_Given records_.
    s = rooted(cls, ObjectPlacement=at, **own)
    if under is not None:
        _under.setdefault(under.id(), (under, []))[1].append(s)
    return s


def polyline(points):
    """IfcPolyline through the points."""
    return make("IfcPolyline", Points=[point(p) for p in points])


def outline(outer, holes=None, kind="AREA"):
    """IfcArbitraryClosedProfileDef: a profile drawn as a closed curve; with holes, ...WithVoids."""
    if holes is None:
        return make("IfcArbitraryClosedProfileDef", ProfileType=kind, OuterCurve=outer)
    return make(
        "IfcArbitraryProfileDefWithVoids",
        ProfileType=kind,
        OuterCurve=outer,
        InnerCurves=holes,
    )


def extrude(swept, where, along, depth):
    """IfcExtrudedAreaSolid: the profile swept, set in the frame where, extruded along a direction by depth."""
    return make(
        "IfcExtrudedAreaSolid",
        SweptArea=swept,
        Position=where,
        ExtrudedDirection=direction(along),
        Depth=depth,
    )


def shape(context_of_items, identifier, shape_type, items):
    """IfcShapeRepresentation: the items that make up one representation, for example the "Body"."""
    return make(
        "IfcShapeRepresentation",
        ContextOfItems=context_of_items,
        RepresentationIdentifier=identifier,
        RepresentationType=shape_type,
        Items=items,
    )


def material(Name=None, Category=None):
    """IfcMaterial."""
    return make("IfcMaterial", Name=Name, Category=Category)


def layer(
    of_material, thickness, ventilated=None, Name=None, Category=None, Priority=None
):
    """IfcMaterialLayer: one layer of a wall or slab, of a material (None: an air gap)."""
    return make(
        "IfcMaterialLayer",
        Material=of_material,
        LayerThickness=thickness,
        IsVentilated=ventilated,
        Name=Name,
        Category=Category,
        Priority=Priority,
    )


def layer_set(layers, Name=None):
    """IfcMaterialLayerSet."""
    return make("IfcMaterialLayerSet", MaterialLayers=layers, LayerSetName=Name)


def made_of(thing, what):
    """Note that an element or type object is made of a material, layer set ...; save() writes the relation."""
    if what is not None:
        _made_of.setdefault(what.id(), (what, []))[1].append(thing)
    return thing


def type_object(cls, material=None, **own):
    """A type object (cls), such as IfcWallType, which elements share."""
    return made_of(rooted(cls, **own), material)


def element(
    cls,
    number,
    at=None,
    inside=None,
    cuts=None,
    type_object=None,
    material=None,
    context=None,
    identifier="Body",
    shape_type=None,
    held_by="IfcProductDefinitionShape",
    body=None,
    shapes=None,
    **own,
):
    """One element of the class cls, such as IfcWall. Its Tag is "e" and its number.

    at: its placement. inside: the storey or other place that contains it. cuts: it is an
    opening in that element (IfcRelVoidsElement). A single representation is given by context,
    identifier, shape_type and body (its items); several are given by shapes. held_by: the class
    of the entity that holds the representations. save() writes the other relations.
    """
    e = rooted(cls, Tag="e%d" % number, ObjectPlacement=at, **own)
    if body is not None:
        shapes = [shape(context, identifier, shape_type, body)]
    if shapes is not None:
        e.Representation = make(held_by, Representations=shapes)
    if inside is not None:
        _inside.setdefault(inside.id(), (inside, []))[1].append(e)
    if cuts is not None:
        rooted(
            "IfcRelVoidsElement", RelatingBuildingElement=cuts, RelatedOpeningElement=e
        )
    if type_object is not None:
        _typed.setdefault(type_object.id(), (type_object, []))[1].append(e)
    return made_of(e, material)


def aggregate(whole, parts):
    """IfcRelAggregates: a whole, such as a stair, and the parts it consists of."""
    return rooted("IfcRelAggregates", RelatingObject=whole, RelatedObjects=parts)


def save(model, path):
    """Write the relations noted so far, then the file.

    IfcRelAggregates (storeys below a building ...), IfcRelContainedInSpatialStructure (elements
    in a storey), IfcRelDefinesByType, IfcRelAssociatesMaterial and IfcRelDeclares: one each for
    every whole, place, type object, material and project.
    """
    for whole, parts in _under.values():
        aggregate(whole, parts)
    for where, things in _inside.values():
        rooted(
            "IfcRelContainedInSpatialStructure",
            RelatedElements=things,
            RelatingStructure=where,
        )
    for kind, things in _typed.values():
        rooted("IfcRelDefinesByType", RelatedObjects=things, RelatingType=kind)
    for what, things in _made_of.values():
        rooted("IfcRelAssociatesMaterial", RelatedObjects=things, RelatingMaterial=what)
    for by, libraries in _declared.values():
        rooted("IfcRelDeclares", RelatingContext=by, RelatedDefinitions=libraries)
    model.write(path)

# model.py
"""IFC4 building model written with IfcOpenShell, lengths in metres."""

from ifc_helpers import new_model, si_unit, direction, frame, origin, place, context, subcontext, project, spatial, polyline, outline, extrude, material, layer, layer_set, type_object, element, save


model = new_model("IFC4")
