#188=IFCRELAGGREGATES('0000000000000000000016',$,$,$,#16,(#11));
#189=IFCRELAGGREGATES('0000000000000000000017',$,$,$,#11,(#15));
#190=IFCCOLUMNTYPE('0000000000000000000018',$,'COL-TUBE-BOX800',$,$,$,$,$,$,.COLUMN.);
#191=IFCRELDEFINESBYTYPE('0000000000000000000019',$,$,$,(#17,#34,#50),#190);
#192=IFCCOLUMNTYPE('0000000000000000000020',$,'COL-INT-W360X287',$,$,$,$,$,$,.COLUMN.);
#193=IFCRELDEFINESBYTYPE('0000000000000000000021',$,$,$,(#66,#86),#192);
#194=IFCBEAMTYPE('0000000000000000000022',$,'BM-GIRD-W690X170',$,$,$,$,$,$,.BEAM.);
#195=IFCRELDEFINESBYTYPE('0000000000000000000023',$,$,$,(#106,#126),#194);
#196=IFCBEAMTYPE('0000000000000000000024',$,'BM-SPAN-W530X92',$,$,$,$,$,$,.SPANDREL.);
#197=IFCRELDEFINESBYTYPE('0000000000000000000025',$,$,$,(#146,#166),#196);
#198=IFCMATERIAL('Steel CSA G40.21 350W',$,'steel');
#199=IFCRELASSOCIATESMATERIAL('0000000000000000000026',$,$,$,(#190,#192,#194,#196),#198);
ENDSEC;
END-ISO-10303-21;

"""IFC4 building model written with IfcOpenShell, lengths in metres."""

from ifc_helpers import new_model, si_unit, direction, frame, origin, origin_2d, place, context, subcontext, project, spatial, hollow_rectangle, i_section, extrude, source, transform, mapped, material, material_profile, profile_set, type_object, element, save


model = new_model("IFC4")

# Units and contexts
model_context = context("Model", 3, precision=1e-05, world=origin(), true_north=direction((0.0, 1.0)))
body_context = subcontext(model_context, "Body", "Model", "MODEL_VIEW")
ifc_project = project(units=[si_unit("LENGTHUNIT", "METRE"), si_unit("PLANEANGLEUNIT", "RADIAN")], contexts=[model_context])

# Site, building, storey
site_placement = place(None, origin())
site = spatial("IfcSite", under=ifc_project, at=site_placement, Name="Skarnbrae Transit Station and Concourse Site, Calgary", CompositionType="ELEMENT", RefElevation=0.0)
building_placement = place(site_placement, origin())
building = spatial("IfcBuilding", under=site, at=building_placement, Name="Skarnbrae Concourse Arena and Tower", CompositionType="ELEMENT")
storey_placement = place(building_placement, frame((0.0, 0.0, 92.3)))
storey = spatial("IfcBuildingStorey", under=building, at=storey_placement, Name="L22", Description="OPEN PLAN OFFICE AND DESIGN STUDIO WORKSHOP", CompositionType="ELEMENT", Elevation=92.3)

_Task item_. Output the listing above without altering a single character.

_Result of the exercise_.
    s = rooted(cls, ObjectPlacement=at, **own)
    if under is not None:
        _under.setdefault(under.id(), (under, []))[1].append(s)
    return s


def polyline(points):
    """IfcPolyline through the points."""
    return make("IfcPolyline", Points=[point(p) for p in points])


def outline(outer, holes=None, kind="AREA"):
    """IfcArbitraryClosedProfileDef: a profile drawn as a closed curve; with holes, ...WithVoids."""
    if holes is None:
        return make("IfcArbitraryClosedProfileDef", ProfileType=kind, OuterCurve=outer)
    return make(
        "IfcArbitraryProfileDefWithVoids",
        ProfileType=kind,
        OuterCurve=outer,
        InnerCurves=holes,
    )


def extrude(swept, where, along, depth):
    """IfcExtrudedAreaSolid: the profile swept, set in the frame where, extruded along a direction by depth."""
    return make(
        "IfcExtrudedAreaSolid",
        SweptArea=swept,
        Position=where,
        ExtrudedDirection=direction(along),
        Depth=depth,
    )


def shape(context_of_items, identifier, shape_type, items):
    """IfcShapeRepresentation: the items that make up one representation, for example the "Body"."""
    return make(
        "IfcShapeRepresentation",
        ContextOfItems=context_of_items,
        RepresentationIdentifier=identifier,
        RepresentationType=shape_type,
        Items=items,
    )


def material(Name=None, Category=None):
    """IfcMaterial."""
    return make("IfcMaterial", Name=Name, Category=Category)


def layer(
    of_material, thickness, ventilated=None, Name=None, Category=None, Priority=None
):
    """IfcMaterialLayer: one layer of a wall or slab, of a material (None: an air gap)."""
    return make(
        "IfcMaterialLayer",
        Material=of_material,
        LayerThickness=thickness,
        IsVentilated=ventilated,
        Name=Name,
        Category=Category,
        Priority=Priority,
    )


def layer_set(layers, Name=None):
    """IfcMaterialLayerSet."""
    return make("IfcMaterialLayerSet", MaterialLayers=layers, LayerSetName=Name)


def made_of(thing, what):
    """Note that an element or type object is made of a material, layer set ...; save() writes the relation."""
    if what is not None:
        _made_of.setdefault(what.id(), (what, []))[1].append(thing)
    return thing


def type_object(cls, material=None, **own):
    """A type object (cls), such as IfcWallType, which elements share."""
    return made_of(rooted(cls, **own), material)


def element(
    cls,
    number,
    at=None,
    inside=None,
    cuts=None,
    type_object=None,
    material=None,
    context=None,
    identifier="Body",
    shape_type=None,
    held_by="IfcProductDefinitionShape",
    body=None,
    shapes=None,
    **own,
):
    """One element of the class cls, such as IfcWall. Its Tag is "e" and its number.

    at: its placement. inside: the storey or other place that contains it. cuts: it is an
    opening in that element (IfcRelVoidsElement). A single representation is given by context,
    identifier, shape_type and body (its items); several are given by shapes. held_by: the class
    of the entity that holds the representations. save() writes the other relations.
    """
    e = rooted(cls, Tag="e%d" % number, ObjectPlacement=at, **own)
    if body is not None:
        shapes = [shape(context, identifier, shape_type, body)]
    if shapes is not None:
        e.Representation = make(held_by, Representations=shapes)
    if inside is not None:
        _inside.setdefault(inside.id(), (inside, []))[1].append(e)
    if cuts is not None:
        rooted(
            "IfcRelVoidsElement", RelatingBuildingElement=cuts, RelatedOpeningElement=e
        )
    if type_object is not None:
        _typed.setdefault(type_object.id(), (type_object, []))[1].append(e)
    return made_of(e, material)


def aggregate(whole, parts):
    """IfcRelAggregates: a whole, such as a stair, and the parts it consists of."""
    return rooted("IfcRelAggregates", RelatingObject=whole, RelatedObjects=parts)


def save(model, path):
    """Write the relations noted so far, then the file.

    IfcRelAggregates (storeys below a building ...), IfcRelContainedInSpatialStructure (elements
    in a storey), IfcRelDefinesByType, IfcRelAssociatesMaterial and IfcRelDeclares: one each for
    every whole, place, type object, material and project.
    """
    for whole, parts in _under.values():
        aggregate(whole, parts)
    for where, things in _inside.values():
        rooted(
            "IfcRelContainedInSpatialStructure",
            RelatedElements=things,
            RelatingStructure=where,
        )
    for kind, things in _typed.values():
        rooted("IfcRelDefinesByType", RelatedObjects=things, RelatingType=kind)
    for what, things in _made_of.values():
        rooted("IfcRelAssociatesMaterial", RelatedObjects=things, RelatingMaterial=what)
    for by, libraries in _declared.values():
        rooted("IfcRelDeclares", RelatingContext=by, RelatedDefinitions=libraries)
    model.write(path)

# model.py
"""IFC4 building model written with IfcOpenShell, lengths in metres."""

from ifc_helpers import new_model, si_unit, direction, frame, origin, place, context, subcontext, project, spatial, polyline, outline, extrude, material, layer, layer_set, type_object, element, save


model = new_model("IFC4")
#188=IFCRELAGGREGATES('0000000000000000000016',$,$,$,#16,(#11));
#189=IFCRELAGGREGATES('0000000000000000000017',$,$,$,#11,(#15));
#190=IFCCOLUMNTYPE('0000000000000000000018',$,'COL-TUBE-BOX800',$,$,$,$,$,$,.COLUMN.);
#191=IFCRELDEFINESBYTYPE('0000000000000000000019',$,$,$,(#17,#34,#50),#190);
#192=IFCCOLUMNTYPE('0000000000000000000020',$,'COL-INT-W360X287',$,$,$,$,$,$,.COLUMN.);
#193=IFCRELDEFINESBYTYPE('0000000000000000000021',$,$,$,(#66,#86),#192);
#194=IFCBEAMTYPE('0000000000000000000022',$,'BM-GIRD-W690X170',$,$,$,$,$,$,.BEAM.);
#195=IFCRELDEFINESBYTYPE('0000000000000000000023',$,$,$,(#106,#126),#194);
#196=IFCBEAMTYPE('0000000000000000000024',$,'BM-SPAN-W530X92',$,$,$,$,$,$,.SPANDREL.);
#197=IFCRELDEFINESBYTYPE('0000000000000000000025',$,$,$,(#146,#166),#196);
#198=IFCMATERIAL('Steel CSA G40.21 350W',$,'steel');
#199=IFCRELASSOCIATESMATERIAL('0000000000000000000026',$,$,$,(#190,#192,#194,#196),#198);
ENDSEC;
END-ISO-10303-21;

"""IFC4 building model written with IfcOpenShell, lengths in metres."""

from ifc_helpers import new_model, si_unit, direction, frame, origin, origin_2d, place, context, subcontext, project, spatial, hollow_rectangle, i_section, extrude, source, transform, mapped, material, material_profile, profile_set, type_object, element, save


model = new_model("IFC4")

# Units and contexts
model_context = context("Model", 3, precision=1e-05, world=origin(), true_north=direction((0.0, 1.0)))
body_context = subcontext(model_context, "Body", "Model", "MODEL_VIEW")
ifc_project = project(units=[si_unit("LENGTHUNIT", "METRE"), si_unit("PLANEANGLEUNIT", "RADIAN")], contexts=[model_context])

# Site, building, storey
site_placement = place(None, origin())
site = spatial("IfcSite", under=ifc_project, at=site_placement, Name="Skarnbrae Transit Station and Concourse Site, Calgary", CompositionType="ELEMENT", RefElevation=0.0)
building_placement = place(site_placement, origin())
building = spatial("IfcBuilding", under=site, at=building_placement, Name="Skarnbrae Concourse Arena and Tower", CompositionType="ELEMENT")
storey_placement = place(building_placement, frame((0.0, 0.0, 92.3)))
storey = spatial("IfcBuildingStorey", under=building, at=storey_placement, Name="L22", Description="OPEN PLAN OFFICE AND DESIGN STUDIO WORKSHOP", CompositionType="ELEMENT", Elevation=92.3)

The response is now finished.